» **Problem details**: First find the line with "#126=IFCINDEXEDPOLYGONALFACE((9,13,14,10));" in the entries below, then set down exactly every line through the line with "#137=IFCINDEXEDPOLYGONALFACE((31,32,36,35));", that line included.

##### Task data

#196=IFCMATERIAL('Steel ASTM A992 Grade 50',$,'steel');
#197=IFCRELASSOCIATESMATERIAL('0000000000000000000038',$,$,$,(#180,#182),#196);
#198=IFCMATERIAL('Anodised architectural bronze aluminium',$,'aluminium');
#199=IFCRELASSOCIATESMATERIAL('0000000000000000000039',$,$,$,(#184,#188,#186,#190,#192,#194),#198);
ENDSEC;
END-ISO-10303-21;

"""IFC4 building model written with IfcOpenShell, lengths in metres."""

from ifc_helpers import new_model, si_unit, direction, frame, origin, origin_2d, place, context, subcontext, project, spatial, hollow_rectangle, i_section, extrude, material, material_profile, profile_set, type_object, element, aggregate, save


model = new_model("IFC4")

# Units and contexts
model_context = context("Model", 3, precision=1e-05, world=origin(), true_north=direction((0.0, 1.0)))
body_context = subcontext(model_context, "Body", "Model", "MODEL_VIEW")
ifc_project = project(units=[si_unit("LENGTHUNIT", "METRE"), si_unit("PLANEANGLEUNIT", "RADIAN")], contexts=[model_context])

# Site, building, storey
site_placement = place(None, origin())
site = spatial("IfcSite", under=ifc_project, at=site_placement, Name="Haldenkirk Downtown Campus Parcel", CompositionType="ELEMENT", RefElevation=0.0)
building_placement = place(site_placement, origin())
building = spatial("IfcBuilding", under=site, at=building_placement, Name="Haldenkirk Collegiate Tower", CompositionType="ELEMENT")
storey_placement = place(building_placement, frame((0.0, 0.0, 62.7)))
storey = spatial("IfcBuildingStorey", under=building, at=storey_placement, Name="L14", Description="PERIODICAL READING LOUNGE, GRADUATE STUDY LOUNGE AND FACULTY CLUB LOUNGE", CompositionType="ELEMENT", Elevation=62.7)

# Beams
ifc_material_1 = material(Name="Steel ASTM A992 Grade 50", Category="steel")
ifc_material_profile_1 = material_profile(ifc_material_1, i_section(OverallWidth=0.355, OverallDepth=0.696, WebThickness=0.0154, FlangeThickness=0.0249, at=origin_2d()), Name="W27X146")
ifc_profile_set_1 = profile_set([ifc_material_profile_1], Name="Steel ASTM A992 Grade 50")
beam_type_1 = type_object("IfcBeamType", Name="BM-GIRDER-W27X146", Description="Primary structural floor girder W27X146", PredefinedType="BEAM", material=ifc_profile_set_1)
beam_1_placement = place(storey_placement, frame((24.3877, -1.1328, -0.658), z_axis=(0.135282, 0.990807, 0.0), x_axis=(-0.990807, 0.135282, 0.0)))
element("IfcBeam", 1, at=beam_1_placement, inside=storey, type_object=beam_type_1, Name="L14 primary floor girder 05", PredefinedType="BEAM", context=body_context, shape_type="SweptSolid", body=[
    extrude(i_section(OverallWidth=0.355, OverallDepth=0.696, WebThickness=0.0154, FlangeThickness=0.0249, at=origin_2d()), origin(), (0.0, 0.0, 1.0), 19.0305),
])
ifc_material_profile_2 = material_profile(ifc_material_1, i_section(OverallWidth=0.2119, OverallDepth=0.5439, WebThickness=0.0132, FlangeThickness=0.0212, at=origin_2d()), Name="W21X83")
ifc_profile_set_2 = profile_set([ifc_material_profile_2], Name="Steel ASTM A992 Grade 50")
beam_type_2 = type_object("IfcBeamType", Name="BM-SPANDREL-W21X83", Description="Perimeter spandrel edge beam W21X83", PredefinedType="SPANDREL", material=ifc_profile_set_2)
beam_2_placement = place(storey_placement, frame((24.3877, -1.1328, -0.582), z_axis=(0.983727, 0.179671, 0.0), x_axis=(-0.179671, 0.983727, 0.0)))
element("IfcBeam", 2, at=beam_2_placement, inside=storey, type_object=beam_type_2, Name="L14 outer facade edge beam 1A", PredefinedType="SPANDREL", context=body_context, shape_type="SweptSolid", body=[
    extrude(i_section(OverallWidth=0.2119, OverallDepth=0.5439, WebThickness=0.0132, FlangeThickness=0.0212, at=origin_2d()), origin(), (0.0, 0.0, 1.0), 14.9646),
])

##########
##### Task data

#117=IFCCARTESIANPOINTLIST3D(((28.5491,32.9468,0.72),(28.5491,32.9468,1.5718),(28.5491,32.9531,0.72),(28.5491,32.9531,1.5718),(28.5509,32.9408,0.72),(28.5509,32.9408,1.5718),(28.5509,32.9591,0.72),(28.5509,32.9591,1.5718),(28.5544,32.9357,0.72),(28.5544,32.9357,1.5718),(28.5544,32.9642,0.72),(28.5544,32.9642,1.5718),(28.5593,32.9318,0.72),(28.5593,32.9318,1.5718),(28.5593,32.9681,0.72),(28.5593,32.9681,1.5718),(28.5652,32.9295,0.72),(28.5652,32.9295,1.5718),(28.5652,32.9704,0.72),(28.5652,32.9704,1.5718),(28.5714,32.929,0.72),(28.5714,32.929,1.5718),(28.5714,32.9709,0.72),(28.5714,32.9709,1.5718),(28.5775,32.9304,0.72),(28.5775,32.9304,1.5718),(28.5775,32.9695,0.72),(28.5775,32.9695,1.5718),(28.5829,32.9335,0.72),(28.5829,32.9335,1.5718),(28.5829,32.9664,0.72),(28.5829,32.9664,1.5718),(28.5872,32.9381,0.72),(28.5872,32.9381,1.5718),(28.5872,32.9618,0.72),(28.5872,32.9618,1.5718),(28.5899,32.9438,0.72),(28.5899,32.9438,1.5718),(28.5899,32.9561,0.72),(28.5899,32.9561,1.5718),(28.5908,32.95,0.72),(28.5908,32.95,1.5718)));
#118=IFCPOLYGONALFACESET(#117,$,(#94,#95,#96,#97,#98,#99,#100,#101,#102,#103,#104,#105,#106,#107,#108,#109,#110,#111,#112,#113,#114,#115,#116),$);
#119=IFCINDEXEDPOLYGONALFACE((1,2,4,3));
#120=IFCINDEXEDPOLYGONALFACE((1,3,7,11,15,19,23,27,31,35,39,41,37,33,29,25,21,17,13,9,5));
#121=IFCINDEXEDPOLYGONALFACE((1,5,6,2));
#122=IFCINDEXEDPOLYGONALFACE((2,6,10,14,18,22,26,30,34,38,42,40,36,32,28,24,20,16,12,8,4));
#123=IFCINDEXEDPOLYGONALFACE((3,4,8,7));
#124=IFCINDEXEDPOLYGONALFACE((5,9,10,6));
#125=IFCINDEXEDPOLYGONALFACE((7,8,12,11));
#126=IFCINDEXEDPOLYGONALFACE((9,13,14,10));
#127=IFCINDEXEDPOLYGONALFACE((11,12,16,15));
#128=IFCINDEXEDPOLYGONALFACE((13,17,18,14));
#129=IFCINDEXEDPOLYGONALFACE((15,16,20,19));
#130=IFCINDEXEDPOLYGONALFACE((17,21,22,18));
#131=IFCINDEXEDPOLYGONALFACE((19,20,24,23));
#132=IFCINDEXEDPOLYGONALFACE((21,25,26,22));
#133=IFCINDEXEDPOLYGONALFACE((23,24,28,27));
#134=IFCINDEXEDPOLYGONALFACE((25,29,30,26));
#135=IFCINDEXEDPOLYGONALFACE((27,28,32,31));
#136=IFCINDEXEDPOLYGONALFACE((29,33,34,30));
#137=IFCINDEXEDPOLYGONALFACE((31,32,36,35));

##########

» **Solution below**:
#126=IFCINDEXEDPOLYGONALFACE((9,13,14,10));
#127=IFCINDEXEDPOLYGONALFACE((11,12,16,15));
#128=IFCINDEXEDPOLYGONALFACE((13,17,18,14));
#129=IFCINDEXEDPOLYGONALFACE((15,16,20,19));
#130=IFCINDEXEDPOLYGONALFACE((17,21,22,18));
#131=IFCINDEXEDPOLYGONALFACE((19,20,24,23));
#132=IFCINDEXEDPOLYGONALFACE((21,25,26,22));
#133=IFCINDEXEDPOLYGONALFACE((23,24,28,27));
#134=IFCINDEXEDPOLYGONALFACE((25,29,30,26));
#135=IFCINDEXEDPOLYGONALFACE((27,28,32,31));
#136=IFCINDEXEDPOLYGONALFACE((29,33,34,30));
#137=IFCINDEXEDPOLYGONALFACE((31,32,36,35));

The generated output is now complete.